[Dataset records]

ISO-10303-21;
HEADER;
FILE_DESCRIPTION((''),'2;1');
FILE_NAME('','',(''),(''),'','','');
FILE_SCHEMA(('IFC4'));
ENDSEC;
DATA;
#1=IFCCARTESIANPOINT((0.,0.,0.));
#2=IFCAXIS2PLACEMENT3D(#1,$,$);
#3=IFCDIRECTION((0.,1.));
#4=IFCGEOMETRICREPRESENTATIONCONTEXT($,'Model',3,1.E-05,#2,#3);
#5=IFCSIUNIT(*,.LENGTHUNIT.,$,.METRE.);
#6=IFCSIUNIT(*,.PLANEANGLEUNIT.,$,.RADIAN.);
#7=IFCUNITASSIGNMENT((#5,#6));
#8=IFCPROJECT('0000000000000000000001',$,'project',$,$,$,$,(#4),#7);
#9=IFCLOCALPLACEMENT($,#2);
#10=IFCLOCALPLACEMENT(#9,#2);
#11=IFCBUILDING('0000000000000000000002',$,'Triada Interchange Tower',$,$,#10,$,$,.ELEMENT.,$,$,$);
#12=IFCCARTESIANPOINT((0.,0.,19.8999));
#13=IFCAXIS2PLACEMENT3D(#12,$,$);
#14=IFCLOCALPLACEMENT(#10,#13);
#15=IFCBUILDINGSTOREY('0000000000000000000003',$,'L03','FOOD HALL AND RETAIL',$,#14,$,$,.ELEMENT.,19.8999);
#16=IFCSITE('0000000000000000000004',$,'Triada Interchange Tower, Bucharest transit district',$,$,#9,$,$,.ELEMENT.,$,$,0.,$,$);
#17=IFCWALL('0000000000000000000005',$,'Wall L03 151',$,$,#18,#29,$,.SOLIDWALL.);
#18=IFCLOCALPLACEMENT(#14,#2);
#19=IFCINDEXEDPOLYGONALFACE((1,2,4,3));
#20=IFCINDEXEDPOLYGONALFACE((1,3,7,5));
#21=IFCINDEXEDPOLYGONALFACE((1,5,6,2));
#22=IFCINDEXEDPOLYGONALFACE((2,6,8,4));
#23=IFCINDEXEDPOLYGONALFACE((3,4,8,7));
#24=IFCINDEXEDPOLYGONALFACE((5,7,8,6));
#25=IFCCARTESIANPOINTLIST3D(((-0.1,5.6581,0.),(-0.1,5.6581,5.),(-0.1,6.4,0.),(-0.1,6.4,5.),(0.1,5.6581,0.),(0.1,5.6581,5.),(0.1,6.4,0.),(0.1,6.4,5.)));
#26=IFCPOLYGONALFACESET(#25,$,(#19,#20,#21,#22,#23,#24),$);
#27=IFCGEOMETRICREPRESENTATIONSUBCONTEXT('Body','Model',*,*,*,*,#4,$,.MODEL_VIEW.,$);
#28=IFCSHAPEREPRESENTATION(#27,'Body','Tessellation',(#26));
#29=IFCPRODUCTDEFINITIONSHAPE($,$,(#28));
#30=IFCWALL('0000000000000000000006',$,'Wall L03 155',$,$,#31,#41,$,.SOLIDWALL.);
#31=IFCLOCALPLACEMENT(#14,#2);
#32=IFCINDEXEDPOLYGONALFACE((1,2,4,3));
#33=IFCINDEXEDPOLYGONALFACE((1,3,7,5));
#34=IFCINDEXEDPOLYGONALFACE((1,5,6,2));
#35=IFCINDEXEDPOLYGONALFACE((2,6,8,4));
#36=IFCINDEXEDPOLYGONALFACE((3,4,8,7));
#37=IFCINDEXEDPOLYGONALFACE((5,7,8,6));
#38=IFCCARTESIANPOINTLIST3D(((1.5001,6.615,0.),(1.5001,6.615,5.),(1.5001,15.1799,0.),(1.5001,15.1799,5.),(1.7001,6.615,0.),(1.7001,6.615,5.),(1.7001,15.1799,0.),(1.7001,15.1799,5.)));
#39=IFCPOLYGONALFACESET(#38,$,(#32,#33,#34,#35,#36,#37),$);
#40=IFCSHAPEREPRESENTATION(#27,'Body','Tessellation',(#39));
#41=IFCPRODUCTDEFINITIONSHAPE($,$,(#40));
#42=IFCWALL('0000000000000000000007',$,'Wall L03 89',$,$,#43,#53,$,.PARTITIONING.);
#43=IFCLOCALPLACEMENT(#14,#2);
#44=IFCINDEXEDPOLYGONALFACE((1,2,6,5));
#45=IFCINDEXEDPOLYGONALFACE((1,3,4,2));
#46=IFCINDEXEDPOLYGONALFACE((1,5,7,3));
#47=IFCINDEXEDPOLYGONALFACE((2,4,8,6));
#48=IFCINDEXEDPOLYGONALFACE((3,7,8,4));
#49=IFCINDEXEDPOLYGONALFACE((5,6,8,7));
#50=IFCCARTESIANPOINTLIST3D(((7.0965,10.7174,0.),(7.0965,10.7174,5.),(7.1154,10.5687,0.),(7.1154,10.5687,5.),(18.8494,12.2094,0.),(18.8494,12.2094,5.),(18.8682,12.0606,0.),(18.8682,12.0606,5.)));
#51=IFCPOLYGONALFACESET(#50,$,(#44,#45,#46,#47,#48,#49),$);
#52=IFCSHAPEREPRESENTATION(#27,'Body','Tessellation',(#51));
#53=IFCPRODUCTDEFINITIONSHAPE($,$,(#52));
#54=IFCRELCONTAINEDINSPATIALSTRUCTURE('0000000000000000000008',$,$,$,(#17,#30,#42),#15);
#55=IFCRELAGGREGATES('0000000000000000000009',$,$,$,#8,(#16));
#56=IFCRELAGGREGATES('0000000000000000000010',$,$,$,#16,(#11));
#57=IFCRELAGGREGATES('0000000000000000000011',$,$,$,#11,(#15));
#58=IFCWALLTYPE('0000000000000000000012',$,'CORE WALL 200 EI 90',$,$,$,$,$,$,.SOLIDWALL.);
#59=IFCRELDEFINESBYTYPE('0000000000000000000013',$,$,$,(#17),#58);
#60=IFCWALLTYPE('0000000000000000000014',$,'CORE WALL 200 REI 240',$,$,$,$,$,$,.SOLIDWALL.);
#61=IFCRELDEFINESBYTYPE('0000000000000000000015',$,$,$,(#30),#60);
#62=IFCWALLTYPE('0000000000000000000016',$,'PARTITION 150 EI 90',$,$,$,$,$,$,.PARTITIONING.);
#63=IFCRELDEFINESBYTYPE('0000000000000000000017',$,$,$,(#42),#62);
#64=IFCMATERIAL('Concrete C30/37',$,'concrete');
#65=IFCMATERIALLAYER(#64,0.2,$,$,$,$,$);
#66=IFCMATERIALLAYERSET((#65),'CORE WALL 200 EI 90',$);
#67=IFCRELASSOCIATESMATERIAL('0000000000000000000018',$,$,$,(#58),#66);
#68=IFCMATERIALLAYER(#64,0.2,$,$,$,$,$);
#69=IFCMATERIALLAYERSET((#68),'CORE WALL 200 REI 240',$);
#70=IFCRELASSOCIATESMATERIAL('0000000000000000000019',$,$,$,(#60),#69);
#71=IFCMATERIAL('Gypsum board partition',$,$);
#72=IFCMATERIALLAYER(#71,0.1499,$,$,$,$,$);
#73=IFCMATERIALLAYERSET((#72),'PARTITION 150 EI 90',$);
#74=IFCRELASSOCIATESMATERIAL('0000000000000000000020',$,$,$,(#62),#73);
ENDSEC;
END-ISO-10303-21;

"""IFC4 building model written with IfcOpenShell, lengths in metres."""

from ifc_helpers import new_model, si_unit, direction, frame, frame_2d, origin, place, context, subcontext, project, spatial, rectangle, extrude, material, layer, layer_set, type_object, element, save


model = new_model("IFC4")

# Units and contexts
model_context = context("Model", 3, precision=1e-05, world=origin(), true_north=direction((0.0, 1.0)))
body_context = subcontext(model_context, "Body", "Model", "MODEL_VIEW")
ifc_project = project(units=[si_unit("LENGTHUNIT", "METRE"), si_unit("PLANEANGLEUNIT", "RADIAN")], contexts=[model_context])

# Site, building, storey
site_placement = place(None, origin())
site = spatial("IfcSite", under=ifc_project, at=site_placement, Name="Triada Interchange Tower, Bucharest transit district", CompositionType="ELEMENT", RefElevation=0.0)
building_placement = place(site_placement, origin())
building = spatial("IfcBuilding", under=site, at=building_placement, Name="Triada Interchange Tower", CompositionType="ELEMENT")
storey_placement = place(building_placement, frame((0.0, 0.0, 19.8999)))
storey = spatial("IfcBuildingStorey", under=building, at=storey_placement, Name="L03", Description="FOOD HALL AND RETAIL", CompositionType="ELEMENT", Elevation=19.8999)

# Shared definitions
ifc_material_1 = material(Name="Concrete C30/37", Category="concrete")

# Walls
ifc_layer_1 = layer(ifc_material_1, 0.2)
ifc_layer_set_1 = layer_set([ifc_layer_1], Name="CORE WALL 200 EI 90")
wall_type_1 = type_object("IfcWallType", Name="CORE WALL 200 EI 90", PredefinedType="SOLIDWALL", material=ifc_layer_set_1)
wall_1_placement = place(storey_placement, frame((0.0, 5.658, 0.0), z_axis=(0.0, 0.0, 1.0), x_axis=(0.0, 1.0, 0.0)))
element("IfcWall", 1, at=wall_1_placement, inside=storey, type_object=wall_type_1, Name="Wall L03 151", PredefinedType="SOLIDWALL", context=body_context, shape_type="SweptSolid", body=[
    extrude(rectangle(XDim=0.7419, YDim=0.2, at=frame_2d((0.3711, 0.0))), origin(), (0.0, 0.0, 1.0), 5.0),
])
ifc_layer_2 = layer(ifc_material_1, 0.2)
ifc_layer_set_2 = layer_set([ifc_layer_2], Name="CORE WALL 200 REI 240")
wall_type_2 = type_object("IfcWallType", Name="CORE WALL 200 REI 240", PredefinedType="SOLIDWALL", material=ifc_layer_set_2)
wall_2_placement = place(storey_placement, frame((1.6001, 6.615, 0.0), z_axis=(0.0, 0.0, 1.0), x_axis=(0.0, 1.0, 0.0)))
element("IfcWall", 2, at=wall_2_placement, inside=storey, type_object=wall_type_2, Name="Wall L03 155", PredefinedType="SOLIDWALL", context=body_context, shape_type="SweptSolid", body=[
    extrude(rectangle(XDim=8.5649, YDim=0.2, at=frame_2d((4.2825, 0.0))), origin(), (0.0, 0.0, 1.0), 5.0),
])
ifc_material_2 = material(Name="Gypsum board partition")
ifc_layer_3 = layer(ifc_material_2, 0.1499)
ifc_layer_set_3 = layer_set([ifc_layer_3], Name="PARTITION 150 EI 90")
wall_type_3 = type_object("IfcWallType", Name="PARTITION 150 EI 90", PredefinedType="PARTITIONING", material=ifc_layer_set_3)
wall_3_placement = place(storey_placement, frame((7.106, 10.6431, 0.0), z_axis=(0.0, 0.0, 1.0), x_axis=(0.992039, 0.125932, 0.0)))
element("IfcWall", 3, at=wall_3_placement, inside=storey, type_object=wall_type_3, Name="Wall L03 89", PredefinedType="PARTITIONING", context=body_context, shape_type="SweptSolid", body=[
    extrude(rectangle(XDim=11.8472, YDim=0.1499, at=frame_2d((5.9236, 0.0))), origin(), (0.0, 0.0, 1.0), 5.0),
])

save(model, "model.ifc")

- **TASK**
Please state how many lines in the records above hold the word "IFCRELDEFINESBYTYPE", giving only the number.

- **COMPLETED EXERCISE**
3